## Instructions to follow
Review the material and extract every line in which the word "IFCRELASSOCIATESMATERIAL" occurs.

(Supplied information begins)

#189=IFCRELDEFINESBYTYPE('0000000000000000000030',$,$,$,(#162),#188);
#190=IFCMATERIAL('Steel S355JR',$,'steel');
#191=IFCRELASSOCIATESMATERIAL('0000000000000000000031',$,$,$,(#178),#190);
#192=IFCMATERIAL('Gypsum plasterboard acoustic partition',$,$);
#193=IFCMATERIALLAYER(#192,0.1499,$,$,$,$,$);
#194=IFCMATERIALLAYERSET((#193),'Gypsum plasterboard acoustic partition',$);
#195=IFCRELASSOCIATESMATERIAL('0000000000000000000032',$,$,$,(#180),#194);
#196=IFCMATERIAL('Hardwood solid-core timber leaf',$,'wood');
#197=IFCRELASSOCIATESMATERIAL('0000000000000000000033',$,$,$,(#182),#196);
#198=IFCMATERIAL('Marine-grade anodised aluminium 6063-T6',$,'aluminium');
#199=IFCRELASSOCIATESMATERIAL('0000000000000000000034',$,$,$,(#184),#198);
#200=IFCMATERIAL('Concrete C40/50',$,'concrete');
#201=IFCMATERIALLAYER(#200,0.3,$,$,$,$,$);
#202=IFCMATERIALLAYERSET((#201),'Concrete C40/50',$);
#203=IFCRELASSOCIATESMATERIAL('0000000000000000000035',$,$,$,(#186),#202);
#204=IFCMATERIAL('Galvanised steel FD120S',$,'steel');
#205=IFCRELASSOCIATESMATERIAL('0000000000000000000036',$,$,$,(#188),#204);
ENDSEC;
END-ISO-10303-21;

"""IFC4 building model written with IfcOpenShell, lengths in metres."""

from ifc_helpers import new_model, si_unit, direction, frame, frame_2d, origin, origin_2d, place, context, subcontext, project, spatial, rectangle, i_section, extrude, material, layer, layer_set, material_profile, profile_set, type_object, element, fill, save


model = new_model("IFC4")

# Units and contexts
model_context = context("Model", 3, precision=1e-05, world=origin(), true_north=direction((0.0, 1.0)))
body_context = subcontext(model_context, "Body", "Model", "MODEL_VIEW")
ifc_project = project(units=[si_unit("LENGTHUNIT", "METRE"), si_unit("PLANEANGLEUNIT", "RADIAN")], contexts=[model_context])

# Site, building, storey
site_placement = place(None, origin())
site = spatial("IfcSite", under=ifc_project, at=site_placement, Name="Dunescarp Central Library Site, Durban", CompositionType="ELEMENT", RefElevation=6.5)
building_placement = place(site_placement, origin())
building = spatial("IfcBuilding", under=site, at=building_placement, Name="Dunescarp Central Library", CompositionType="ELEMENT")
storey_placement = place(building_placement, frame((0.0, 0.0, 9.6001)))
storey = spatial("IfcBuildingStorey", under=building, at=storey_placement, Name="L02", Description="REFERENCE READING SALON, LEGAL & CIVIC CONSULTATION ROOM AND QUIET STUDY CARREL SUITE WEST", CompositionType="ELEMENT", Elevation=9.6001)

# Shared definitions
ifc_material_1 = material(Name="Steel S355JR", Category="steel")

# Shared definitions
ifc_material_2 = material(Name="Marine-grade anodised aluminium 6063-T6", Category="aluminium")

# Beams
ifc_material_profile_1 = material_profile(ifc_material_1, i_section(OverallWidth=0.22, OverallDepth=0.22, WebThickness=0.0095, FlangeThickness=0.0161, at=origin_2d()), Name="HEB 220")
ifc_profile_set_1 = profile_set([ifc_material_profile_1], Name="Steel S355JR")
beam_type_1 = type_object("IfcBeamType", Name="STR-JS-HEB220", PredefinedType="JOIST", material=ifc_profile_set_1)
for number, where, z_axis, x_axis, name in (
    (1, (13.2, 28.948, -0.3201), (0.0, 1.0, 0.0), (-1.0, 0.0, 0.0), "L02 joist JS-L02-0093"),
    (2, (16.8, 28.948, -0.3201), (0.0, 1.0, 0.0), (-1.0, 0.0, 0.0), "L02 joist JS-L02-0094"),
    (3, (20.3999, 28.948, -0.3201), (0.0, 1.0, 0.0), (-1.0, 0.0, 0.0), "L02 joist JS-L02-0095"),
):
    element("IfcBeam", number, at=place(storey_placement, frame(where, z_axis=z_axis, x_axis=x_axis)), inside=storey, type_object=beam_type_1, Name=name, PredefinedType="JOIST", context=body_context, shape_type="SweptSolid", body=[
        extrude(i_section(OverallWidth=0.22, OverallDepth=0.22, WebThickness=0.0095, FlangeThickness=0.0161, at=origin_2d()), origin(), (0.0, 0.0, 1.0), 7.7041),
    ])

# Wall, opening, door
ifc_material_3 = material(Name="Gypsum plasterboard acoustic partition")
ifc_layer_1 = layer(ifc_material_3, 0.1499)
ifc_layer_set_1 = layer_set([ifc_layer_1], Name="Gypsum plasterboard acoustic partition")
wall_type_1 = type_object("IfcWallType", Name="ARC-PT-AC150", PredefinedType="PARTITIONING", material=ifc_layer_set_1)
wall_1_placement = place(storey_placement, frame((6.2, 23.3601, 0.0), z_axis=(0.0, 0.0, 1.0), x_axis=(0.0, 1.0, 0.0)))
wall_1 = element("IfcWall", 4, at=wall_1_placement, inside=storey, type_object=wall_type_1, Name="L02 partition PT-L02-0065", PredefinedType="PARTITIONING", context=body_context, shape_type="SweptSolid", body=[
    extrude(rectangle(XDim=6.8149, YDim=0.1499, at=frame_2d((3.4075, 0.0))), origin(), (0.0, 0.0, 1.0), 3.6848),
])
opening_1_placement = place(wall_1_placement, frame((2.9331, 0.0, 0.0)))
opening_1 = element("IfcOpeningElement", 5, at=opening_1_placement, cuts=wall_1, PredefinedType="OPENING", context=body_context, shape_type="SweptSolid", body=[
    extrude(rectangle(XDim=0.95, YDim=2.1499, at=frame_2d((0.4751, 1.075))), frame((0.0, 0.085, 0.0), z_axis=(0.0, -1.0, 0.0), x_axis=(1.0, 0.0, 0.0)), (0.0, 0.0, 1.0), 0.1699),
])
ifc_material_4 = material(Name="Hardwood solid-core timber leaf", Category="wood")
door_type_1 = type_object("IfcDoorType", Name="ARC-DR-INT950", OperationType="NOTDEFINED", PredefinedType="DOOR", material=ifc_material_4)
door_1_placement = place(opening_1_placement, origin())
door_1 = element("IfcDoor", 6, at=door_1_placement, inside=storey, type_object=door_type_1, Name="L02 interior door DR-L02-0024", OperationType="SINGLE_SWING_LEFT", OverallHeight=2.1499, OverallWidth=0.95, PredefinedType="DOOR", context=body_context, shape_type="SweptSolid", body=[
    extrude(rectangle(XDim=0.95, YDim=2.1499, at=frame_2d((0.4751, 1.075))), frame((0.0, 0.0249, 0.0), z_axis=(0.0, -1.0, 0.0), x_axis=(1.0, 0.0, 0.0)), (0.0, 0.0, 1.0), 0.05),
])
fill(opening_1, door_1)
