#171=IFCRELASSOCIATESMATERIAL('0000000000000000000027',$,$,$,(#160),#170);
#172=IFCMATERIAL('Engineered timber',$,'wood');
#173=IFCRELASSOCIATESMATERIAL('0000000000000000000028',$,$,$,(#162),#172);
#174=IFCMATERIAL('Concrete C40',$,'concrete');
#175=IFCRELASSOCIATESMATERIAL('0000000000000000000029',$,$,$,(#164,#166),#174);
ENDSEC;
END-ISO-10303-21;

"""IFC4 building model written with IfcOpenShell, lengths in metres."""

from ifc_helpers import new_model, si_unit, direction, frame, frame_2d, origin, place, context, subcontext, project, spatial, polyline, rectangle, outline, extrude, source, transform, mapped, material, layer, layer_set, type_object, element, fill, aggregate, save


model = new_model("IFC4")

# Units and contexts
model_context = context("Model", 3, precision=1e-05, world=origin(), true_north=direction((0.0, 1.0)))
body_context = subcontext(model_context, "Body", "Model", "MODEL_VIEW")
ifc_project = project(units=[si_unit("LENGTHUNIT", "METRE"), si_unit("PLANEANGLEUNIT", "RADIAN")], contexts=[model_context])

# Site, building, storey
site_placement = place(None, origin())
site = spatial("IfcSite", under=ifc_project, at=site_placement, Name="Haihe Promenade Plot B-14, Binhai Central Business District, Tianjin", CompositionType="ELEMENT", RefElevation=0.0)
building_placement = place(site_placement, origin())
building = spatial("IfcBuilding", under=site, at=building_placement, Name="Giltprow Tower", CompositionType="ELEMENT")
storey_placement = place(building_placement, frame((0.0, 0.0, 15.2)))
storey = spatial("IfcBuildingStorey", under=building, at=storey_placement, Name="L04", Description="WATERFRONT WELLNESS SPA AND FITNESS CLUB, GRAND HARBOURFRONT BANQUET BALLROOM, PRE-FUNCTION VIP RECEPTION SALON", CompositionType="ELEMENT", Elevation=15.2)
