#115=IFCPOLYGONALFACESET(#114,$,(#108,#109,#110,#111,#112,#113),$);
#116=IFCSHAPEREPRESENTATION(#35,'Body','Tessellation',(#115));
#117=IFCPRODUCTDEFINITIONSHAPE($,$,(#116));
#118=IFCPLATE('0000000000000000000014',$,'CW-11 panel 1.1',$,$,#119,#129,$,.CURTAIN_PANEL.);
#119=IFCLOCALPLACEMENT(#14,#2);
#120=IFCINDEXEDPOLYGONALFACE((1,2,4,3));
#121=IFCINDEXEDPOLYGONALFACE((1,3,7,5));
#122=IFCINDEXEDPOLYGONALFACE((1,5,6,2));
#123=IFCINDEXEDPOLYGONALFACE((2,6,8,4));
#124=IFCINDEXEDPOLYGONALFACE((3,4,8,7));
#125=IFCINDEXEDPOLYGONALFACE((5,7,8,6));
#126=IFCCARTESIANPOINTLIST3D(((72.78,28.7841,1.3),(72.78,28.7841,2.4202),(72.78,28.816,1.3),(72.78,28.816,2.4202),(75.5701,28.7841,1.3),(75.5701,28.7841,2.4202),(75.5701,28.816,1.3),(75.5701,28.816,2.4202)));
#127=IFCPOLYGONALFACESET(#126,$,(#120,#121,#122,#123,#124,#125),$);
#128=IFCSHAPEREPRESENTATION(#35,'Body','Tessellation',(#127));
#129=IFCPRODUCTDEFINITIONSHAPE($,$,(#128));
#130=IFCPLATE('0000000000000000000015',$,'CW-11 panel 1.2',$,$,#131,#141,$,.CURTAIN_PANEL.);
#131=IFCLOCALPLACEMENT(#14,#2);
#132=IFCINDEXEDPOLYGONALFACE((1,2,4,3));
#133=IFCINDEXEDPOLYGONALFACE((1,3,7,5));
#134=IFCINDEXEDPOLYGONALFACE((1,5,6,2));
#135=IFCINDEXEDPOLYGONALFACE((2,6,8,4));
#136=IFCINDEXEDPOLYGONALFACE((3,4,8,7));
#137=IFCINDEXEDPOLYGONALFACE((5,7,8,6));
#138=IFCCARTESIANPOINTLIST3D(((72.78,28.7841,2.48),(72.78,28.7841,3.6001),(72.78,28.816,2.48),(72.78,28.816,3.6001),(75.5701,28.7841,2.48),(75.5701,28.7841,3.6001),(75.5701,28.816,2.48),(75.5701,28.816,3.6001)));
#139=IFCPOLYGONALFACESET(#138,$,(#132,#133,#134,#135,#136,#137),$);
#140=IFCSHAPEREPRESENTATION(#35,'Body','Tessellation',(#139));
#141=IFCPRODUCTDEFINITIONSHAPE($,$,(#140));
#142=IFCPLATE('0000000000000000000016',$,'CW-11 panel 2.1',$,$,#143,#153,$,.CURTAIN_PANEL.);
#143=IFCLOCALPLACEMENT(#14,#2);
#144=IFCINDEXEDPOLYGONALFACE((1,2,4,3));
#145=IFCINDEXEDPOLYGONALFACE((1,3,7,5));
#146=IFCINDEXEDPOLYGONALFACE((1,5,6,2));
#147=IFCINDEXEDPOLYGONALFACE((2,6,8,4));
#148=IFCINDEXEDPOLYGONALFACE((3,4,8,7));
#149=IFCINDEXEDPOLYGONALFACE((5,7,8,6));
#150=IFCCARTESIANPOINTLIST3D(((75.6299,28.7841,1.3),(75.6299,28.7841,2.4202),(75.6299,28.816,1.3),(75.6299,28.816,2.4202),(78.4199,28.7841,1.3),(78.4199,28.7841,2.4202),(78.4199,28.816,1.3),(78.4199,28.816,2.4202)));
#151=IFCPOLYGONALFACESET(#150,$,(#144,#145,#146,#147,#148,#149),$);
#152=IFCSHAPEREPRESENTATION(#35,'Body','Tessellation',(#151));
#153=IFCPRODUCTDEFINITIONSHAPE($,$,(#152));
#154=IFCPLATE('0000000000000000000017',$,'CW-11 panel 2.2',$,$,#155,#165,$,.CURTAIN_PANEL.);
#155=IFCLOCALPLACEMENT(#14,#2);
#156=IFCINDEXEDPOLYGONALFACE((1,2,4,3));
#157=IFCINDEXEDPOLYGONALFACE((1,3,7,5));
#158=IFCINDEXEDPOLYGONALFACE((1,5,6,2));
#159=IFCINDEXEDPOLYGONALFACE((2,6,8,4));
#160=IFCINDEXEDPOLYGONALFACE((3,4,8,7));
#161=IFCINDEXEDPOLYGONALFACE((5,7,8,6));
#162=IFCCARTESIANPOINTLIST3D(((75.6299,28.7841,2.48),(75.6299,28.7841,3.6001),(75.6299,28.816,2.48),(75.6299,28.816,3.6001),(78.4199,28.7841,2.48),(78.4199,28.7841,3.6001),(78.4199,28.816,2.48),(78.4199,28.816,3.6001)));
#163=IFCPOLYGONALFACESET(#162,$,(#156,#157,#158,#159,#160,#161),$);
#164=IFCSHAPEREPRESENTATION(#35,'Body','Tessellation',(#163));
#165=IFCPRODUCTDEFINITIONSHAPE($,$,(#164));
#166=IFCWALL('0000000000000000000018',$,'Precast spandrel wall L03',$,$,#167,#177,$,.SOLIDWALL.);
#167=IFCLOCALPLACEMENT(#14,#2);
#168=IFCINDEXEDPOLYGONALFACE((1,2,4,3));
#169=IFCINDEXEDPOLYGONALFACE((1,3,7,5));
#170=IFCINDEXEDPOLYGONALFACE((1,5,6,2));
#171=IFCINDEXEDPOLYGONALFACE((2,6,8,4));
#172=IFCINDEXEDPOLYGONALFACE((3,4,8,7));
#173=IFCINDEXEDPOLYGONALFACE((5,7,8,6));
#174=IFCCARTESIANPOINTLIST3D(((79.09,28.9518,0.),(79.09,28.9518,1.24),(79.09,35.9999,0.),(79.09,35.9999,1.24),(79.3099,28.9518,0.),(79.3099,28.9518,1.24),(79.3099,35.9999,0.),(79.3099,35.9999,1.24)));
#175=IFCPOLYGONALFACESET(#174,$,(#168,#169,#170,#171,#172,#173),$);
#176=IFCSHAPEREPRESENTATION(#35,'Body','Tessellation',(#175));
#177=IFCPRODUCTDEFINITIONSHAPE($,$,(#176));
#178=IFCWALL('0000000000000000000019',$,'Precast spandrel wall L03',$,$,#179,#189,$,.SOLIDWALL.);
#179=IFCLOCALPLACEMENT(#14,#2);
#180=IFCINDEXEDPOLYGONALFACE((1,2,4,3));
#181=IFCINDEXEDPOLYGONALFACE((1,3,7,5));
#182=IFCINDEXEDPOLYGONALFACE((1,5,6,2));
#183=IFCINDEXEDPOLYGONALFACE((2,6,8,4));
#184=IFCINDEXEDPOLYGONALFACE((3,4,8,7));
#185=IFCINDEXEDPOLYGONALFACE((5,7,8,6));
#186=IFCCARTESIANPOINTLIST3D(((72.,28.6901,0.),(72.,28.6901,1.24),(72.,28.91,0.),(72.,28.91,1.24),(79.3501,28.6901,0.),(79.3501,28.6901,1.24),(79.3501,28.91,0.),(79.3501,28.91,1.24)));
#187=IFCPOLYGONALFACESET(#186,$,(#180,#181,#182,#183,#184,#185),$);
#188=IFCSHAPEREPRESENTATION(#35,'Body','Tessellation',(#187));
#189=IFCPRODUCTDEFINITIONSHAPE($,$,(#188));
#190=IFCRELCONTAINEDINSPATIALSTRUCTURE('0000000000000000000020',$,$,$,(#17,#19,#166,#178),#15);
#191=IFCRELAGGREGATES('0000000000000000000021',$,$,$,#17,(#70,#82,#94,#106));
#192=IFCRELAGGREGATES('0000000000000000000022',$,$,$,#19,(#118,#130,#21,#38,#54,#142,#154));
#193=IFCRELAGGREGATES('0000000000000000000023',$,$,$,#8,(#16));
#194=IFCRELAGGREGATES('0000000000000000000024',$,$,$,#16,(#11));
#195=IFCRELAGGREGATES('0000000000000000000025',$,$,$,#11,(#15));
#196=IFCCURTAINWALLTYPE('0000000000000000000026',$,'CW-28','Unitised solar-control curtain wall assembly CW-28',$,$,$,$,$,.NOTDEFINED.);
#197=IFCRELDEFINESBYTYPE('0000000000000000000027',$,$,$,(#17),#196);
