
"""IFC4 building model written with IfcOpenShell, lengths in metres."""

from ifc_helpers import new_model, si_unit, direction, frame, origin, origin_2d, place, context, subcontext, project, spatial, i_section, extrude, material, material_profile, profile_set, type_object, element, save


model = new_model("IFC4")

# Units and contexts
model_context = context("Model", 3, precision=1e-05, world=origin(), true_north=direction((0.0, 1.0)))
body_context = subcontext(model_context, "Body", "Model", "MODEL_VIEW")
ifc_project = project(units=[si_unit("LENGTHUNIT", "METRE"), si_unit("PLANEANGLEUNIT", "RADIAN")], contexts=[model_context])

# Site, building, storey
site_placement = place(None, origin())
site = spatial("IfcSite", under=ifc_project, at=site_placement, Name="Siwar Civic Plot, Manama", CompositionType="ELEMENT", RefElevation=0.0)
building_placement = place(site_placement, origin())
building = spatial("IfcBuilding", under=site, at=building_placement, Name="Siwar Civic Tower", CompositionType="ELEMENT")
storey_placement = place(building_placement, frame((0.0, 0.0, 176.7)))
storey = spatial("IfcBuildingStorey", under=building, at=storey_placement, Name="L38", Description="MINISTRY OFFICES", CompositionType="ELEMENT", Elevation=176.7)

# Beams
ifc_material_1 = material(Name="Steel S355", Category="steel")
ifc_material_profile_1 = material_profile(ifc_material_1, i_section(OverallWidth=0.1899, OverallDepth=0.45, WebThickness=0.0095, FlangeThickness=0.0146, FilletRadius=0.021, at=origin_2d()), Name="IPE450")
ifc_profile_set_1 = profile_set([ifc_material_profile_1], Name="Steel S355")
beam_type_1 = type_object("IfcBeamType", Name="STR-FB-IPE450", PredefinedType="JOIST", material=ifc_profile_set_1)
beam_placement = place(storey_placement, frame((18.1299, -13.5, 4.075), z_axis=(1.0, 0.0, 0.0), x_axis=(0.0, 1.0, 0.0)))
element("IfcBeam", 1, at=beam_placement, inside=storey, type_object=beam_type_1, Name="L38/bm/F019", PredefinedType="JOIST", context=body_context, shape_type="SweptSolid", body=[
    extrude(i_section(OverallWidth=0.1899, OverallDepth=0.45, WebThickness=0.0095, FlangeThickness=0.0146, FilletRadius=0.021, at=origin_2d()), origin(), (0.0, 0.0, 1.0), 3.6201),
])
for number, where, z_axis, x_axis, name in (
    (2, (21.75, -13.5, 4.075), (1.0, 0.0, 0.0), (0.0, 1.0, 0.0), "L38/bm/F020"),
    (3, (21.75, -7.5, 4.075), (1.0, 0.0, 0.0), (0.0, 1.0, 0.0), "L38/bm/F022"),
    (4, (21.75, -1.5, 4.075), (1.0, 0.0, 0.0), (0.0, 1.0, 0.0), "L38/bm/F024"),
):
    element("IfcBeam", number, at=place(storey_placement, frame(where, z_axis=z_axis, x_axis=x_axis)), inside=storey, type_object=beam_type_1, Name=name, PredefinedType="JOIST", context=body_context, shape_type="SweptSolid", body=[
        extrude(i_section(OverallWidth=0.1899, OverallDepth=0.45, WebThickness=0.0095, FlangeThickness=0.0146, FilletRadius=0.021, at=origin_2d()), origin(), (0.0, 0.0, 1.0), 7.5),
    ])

(Supplied information ends)

## Answer
#191=IFCRELASSOCIATESMATERIAL('0000000000000000000031',$,$,$,(#178),#190);
#195=IFCRELASSOCIATESMATERIAL('0000000000000000000032',$,$,$,(#180),#194);
#197=IFCRELASSOCIATESMATERIAL('0000000000000000000033',$,$,$,(#182),#196);
#199=IFCRELASSOCIATESMATERIAL('0000000000000000000034',$,$,$,(#184),#198);
#203=IFCRELASSOCIATESMATERIAL('0000000000000000000035',$,$,$,(#186),#202);
#205=IFCRELASSOCIATESMATERIAL('0000000000000000000036',$,$,$,(#188),#204);
#171=IFCRELASSOCIATESMATERIAL('0000000000000000000027',$,$,$,(#160),#170);
#173=IFCRELASSOCIATESMATERIAL('0000000000000000000028',$,$,$,(#162),#172);
#175=IFCRELASSOCIATESMATERIAL('0000000000000000000029',$,$,$,(#164,#166),#174);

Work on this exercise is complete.